> **The task**:
Please set down exactly the lines of the listing below from the line containing "#45=IFCPRODUCTDEFINITIONSHAPE($,$,(#44));" through the line containing "# ifc_helpers.py", both lines included, leaving out all other lines.

> **Data extract**:
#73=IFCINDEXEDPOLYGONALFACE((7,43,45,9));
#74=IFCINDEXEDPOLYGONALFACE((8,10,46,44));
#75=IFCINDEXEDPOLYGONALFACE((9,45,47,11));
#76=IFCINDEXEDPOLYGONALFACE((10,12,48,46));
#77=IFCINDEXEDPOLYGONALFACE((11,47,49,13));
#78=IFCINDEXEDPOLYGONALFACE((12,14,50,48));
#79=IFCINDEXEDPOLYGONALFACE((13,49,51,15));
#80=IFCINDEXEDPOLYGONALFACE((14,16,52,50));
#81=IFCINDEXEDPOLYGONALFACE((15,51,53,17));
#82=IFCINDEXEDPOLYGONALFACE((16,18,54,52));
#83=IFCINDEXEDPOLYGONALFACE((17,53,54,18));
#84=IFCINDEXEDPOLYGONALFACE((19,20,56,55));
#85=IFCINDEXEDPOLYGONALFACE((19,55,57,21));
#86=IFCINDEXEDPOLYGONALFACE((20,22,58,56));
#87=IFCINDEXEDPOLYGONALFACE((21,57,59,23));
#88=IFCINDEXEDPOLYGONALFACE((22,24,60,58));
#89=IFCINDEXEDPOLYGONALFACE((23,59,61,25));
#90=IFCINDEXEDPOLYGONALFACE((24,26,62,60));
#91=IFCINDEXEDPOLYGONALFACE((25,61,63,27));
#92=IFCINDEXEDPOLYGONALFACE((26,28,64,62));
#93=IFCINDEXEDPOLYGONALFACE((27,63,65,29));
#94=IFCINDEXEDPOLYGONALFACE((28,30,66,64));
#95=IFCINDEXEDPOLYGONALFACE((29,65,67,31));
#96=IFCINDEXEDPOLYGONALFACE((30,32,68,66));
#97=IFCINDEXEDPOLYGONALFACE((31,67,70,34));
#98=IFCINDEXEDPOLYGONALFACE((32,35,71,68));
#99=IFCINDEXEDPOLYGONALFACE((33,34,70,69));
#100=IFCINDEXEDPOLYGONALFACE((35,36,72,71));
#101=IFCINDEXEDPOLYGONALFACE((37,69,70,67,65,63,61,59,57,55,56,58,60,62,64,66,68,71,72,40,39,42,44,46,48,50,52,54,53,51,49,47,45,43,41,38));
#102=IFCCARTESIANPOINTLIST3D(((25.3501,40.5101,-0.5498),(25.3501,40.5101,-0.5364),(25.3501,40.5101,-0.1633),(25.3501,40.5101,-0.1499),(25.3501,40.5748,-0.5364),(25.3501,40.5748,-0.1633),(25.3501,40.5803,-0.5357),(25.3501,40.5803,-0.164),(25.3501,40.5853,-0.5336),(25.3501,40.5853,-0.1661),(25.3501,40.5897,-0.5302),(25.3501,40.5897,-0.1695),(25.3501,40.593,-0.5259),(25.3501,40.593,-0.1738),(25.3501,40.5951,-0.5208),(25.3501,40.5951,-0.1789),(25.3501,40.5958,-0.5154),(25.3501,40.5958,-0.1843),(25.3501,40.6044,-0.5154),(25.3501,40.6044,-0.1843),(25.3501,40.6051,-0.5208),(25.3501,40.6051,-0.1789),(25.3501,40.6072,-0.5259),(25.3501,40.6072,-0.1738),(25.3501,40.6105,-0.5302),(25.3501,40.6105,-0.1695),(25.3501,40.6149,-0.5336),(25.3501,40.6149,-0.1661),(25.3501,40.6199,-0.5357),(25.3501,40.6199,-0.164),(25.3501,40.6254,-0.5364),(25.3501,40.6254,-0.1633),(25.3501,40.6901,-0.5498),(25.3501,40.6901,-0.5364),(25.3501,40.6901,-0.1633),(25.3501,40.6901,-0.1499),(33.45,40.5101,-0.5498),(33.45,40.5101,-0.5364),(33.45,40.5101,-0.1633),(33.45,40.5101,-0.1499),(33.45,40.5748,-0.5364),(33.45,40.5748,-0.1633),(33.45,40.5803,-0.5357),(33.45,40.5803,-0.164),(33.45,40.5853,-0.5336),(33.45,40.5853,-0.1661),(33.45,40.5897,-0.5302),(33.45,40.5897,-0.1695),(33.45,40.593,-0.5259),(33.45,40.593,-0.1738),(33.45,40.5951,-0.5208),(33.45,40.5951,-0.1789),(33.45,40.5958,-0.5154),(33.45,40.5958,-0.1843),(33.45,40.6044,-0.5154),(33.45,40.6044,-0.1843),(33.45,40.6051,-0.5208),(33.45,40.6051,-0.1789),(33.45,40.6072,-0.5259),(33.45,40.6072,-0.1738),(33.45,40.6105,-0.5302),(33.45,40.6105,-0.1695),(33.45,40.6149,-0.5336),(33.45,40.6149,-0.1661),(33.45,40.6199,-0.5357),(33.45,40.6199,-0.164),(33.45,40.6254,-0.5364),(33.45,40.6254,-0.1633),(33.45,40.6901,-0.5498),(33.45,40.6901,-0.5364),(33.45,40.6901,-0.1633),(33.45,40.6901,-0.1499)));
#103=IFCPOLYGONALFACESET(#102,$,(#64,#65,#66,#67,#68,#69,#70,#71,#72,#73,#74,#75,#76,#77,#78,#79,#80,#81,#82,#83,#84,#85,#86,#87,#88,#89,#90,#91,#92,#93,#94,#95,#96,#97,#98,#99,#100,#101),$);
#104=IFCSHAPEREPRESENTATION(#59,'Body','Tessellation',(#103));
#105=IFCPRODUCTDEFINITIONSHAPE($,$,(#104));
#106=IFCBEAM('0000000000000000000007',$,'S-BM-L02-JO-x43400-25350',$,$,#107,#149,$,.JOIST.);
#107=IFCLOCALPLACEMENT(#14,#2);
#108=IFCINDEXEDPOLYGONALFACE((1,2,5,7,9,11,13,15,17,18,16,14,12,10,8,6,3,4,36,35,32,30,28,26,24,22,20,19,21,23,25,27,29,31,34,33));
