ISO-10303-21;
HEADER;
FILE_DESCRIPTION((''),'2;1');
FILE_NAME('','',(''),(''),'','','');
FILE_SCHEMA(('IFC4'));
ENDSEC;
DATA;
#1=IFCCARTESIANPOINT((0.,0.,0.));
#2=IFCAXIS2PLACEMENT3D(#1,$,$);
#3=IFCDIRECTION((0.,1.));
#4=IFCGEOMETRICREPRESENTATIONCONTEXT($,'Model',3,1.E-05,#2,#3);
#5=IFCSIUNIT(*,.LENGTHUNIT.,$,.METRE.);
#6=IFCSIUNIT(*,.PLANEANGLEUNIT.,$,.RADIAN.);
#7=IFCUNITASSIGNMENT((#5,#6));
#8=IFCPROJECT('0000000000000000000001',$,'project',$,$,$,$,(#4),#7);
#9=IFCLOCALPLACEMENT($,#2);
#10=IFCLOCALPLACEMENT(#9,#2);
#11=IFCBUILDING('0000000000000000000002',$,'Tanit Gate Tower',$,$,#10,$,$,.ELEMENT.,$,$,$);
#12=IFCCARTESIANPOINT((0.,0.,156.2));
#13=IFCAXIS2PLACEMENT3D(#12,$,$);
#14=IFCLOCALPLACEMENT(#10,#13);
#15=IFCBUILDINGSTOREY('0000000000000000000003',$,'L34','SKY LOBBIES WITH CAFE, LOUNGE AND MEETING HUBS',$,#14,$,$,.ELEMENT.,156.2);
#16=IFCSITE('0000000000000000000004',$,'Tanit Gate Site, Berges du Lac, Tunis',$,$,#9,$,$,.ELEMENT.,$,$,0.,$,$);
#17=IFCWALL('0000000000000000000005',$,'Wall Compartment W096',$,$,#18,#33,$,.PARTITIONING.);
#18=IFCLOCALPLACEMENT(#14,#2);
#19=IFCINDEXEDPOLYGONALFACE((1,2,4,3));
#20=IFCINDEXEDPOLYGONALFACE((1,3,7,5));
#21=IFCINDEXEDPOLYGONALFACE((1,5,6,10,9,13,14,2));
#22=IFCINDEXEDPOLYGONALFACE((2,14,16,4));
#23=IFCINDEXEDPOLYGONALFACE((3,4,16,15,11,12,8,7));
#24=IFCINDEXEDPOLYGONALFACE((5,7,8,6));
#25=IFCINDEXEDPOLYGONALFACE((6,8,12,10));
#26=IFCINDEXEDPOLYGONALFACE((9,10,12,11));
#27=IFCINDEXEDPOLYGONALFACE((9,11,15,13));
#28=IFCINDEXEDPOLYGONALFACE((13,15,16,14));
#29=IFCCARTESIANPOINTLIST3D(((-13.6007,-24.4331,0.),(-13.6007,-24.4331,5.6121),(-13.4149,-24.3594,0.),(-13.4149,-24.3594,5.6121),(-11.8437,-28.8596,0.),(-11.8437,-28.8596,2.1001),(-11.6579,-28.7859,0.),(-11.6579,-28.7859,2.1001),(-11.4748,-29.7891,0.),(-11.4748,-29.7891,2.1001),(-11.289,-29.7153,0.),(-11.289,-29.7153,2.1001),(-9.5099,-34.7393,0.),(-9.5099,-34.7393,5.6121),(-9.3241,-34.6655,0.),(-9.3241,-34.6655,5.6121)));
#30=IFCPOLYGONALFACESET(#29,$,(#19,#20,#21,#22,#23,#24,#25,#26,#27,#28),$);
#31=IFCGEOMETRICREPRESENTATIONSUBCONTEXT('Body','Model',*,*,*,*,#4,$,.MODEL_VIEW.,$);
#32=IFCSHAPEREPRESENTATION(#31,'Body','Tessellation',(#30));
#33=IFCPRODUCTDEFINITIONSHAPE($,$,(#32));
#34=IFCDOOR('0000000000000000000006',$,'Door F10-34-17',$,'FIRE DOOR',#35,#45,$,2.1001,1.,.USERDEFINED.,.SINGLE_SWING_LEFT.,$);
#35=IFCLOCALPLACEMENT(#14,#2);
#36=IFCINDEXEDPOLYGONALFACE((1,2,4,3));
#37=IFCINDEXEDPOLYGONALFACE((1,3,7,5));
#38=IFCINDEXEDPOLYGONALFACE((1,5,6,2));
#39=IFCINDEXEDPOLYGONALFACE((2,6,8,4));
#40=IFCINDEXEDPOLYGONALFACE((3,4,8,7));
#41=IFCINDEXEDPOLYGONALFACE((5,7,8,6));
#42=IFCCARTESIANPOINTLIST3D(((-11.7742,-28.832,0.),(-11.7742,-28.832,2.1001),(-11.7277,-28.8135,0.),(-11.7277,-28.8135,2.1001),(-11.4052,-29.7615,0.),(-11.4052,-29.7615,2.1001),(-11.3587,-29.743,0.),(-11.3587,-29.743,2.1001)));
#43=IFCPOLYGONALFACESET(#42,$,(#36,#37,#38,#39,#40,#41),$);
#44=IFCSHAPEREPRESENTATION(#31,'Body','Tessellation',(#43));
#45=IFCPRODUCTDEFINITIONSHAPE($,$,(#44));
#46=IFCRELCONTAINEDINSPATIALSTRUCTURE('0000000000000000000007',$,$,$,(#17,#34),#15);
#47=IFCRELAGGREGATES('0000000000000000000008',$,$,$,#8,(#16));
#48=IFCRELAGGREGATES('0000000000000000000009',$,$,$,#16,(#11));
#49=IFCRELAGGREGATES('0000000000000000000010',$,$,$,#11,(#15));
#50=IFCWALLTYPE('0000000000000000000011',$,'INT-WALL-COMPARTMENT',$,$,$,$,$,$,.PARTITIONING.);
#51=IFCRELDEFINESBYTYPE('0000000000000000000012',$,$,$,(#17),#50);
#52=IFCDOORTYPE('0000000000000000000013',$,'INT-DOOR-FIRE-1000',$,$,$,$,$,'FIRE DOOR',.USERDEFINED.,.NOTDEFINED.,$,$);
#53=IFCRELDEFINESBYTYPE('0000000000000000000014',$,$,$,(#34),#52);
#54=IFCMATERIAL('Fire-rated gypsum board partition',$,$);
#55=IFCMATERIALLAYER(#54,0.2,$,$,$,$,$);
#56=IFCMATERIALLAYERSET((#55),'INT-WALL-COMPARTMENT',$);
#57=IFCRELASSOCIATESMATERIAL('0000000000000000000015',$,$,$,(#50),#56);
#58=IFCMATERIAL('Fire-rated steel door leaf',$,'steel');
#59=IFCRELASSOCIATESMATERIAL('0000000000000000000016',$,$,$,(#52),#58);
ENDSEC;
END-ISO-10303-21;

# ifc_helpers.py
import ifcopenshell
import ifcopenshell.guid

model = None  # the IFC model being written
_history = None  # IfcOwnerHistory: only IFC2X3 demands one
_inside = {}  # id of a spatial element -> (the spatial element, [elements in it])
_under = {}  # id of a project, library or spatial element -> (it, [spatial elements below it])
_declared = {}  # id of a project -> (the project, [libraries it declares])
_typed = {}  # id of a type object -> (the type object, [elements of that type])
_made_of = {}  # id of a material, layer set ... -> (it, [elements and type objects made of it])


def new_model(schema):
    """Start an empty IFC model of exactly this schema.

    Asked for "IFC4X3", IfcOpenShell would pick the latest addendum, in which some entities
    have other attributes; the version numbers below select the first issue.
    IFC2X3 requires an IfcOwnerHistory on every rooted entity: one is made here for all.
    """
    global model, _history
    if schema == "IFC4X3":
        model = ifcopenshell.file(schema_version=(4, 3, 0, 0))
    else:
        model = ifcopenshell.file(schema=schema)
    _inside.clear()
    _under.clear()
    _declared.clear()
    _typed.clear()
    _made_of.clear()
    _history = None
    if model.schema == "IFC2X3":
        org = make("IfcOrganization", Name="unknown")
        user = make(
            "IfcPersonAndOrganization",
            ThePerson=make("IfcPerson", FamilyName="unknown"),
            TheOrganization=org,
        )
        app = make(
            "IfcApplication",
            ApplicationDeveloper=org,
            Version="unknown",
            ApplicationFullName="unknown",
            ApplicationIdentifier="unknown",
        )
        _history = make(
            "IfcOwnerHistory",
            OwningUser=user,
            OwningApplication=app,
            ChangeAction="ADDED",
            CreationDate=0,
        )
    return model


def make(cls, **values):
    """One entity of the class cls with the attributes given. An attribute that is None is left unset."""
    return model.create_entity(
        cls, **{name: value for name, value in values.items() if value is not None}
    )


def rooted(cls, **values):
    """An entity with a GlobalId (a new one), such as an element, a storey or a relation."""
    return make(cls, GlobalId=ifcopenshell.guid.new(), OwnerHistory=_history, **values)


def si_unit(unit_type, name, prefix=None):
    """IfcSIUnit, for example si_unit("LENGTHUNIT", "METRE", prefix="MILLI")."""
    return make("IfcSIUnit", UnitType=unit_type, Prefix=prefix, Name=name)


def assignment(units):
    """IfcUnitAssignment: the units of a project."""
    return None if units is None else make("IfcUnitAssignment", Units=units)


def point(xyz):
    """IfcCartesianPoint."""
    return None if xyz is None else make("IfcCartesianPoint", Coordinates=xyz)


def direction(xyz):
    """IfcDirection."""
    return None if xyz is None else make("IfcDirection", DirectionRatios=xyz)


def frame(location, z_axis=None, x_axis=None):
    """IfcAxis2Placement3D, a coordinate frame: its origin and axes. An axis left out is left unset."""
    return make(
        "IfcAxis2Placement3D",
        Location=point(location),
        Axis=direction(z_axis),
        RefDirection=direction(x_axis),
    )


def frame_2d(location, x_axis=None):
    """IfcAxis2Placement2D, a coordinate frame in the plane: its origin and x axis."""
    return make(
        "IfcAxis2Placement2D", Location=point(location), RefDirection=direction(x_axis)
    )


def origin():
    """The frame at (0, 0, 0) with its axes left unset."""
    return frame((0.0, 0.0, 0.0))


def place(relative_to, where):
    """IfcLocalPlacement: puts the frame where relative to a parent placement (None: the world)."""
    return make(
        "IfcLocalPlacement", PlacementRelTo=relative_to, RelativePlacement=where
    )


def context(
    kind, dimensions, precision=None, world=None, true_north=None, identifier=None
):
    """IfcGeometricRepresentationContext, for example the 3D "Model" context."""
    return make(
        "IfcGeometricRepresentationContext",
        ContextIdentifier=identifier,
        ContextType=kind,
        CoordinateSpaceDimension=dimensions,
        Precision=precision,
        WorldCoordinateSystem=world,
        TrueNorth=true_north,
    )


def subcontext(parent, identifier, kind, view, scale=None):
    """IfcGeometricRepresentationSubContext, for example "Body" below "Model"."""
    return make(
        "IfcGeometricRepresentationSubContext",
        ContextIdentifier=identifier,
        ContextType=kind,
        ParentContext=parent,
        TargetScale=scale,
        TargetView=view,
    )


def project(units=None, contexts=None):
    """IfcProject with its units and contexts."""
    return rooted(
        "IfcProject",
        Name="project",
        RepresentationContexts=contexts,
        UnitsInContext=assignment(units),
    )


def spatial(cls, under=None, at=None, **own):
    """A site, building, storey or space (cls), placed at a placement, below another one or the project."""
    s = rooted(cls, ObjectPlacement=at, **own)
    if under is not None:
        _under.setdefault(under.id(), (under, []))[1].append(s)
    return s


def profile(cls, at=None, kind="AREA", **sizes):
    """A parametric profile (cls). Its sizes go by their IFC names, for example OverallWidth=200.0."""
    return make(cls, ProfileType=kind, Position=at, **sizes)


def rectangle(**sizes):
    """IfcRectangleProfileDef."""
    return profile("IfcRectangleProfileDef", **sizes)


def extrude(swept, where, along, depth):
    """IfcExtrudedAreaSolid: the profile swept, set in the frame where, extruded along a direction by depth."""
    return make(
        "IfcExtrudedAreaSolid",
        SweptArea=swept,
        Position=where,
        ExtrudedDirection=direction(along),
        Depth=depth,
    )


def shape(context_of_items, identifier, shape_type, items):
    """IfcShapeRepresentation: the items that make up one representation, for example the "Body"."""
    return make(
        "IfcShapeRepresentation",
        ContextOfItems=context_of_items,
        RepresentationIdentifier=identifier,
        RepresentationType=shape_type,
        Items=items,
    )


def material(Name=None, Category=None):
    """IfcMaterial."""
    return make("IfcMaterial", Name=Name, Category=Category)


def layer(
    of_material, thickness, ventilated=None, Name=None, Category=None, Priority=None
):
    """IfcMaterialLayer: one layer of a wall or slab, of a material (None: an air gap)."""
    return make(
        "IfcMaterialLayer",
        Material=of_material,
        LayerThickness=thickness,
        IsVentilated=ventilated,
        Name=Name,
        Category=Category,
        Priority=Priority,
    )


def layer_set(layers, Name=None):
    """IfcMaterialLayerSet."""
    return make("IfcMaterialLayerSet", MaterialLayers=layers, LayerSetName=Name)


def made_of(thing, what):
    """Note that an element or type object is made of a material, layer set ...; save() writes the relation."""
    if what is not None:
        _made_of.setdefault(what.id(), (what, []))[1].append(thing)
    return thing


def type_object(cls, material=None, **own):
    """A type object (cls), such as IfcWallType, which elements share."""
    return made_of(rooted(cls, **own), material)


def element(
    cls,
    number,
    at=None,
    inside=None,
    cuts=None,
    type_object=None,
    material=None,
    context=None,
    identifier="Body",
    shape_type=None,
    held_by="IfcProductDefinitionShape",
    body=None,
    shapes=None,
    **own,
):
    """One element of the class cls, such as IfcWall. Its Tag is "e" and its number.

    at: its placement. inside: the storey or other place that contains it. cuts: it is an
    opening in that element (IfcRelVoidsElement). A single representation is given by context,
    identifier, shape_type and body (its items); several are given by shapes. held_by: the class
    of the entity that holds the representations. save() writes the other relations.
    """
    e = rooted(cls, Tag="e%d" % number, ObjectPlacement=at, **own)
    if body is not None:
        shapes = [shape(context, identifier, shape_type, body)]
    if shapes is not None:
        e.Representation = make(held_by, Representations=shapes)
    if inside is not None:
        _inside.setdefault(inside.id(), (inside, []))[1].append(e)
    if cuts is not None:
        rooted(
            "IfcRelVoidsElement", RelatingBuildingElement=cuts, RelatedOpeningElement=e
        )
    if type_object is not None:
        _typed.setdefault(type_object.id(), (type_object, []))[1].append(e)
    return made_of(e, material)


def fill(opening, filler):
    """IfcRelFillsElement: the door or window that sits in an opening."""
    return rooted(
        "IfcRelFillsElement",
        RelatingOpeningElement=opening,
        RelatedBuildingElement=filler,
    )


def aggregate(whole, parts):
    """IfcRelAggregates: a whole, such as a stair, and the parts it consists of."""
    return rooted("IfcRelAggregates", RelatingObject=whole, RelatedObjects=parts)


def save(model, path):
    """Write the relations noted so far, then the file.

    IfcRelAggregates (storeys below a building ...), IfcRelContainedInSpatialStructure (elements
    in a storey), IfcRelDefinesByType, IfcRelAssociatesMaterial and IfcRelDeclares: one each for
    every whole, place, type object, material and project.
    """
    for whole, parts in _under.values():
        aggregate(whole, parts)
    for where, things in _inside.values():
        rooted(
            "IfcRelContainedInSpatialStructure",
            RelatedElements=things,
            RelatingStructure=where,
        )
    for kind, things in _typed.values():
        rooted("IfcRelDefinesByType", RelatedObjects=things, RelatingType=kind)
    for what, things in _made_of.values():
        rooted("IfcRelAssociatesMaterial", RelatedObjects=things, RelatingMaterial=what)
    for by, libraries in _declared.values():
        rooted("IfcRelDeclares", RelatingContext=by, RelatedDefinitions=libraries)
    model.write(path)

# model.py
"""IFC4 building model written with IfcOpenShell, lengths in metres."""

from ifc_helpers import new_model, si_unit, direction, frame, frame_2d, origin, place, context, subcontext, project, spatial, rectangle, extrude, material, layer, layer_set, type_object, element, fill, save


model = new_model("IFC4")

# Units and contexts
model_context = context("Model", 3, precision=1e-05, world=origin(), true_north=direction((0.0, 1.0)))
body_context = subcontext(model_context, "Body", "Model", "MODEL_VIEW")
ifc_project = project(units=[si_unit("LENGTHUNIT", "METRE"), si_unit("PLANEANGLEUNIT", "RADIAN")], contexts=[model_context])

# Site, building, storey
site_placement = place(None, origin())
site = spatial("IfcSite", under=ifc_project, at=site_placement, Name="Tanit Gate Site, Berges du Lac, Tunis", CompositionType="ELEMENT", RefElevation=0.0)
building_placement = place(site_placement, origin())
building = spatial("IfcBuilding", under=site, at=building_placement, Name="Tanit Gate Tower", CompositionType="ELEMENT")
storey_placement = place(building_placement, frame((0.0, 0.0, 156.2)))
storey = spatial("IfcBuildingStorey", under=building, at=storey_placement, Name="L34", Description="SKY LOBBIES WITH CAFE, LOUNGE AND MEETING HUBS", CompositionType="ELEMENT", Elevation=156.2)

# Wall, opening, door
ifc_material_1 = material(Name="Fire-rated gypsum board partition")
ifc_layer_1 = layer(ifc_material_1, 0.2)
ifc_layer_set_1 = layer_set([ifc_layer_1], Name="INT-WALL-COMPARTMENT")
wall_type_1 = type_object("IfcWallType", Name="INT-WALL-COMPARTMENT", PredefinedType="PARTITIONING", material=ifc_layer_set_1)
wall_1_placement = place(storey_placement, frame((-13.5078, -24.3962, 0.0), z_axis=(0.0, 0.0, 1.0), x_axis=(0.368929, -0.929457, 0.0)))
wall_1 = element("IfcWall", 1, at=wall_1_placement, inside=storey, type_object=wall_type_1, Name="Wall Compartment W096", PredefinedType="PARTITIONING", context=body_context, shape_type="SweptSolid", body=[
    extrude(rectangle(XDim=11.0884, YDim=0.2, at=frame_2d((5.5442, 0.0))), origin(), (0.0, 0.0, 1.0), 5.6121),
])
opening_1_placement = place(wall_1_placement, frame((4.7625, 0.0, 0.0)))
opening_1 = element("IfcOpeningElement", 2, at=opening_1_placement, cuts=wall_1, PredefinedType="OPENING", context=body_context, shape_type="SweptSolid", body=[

> **Response to the exercise**:
#45=IFCPRODUCTDEFINITIONSHAPE($,$,(#44));
#46=IFCRELCONTAINEDINSPATIALSTRUCTURE('0000000000000000000007',$,$,$,(#17,#34),#15);
#47=IFCRELAGGREGATES('0000000000000000000008',$,$,$,#8,(#16));
#48=IFCRELAGGREGATES('0000000000000000000009',$,$,$,#16,(#11));
#49=IFCRELAGGREGATES('0000000000000000000010',$,$,$,#11,(#15));
#50=IFCWALLTYPE('0000000000000000000011',$,'INT-WALL-COMPARTMENT',$,$,$,$,$,$,.PARTITIONING.);
#51=IFCRELDEFINESBYTYPE('0000000000000000000012',$,$,$,(#17),#50);
#52=IFCDOORTYPE('0000000000000000000013',$,'INT-DOOR-FIRE-1000',$,$,$,$,$,'FIRE DOOR',.USERDEFINED.,.NOTDEFINED.,$,$);
#53=IFCRELDEFINESBYTYPE('0000000000000000000014',$,$,$,(#34),#52);
#54=IFCMATERIAL('Fire-rated gypsum board partition',$,$);
#55=IFCMATERIALLAYER(#54,0.2,$,$,$,$,$);
#56=IFCMATERIALLAYERSET((#55),'INT-WALL-COMPARTMENT',$);
#57=IFCRELASSOCIATESMATERIAL('0000000000000000000015',$,$,$,(#50),#56);
#58=IFCMATERIAL('Fire-rated steel door leaf',$,'steel');
#59=IFCRELASSOCIATESMATERIAL('0000000000000000000016',$,$,$,(#52),#58);
ENDSEC;
END-ISO-10303-21;

# ifc_helpers.py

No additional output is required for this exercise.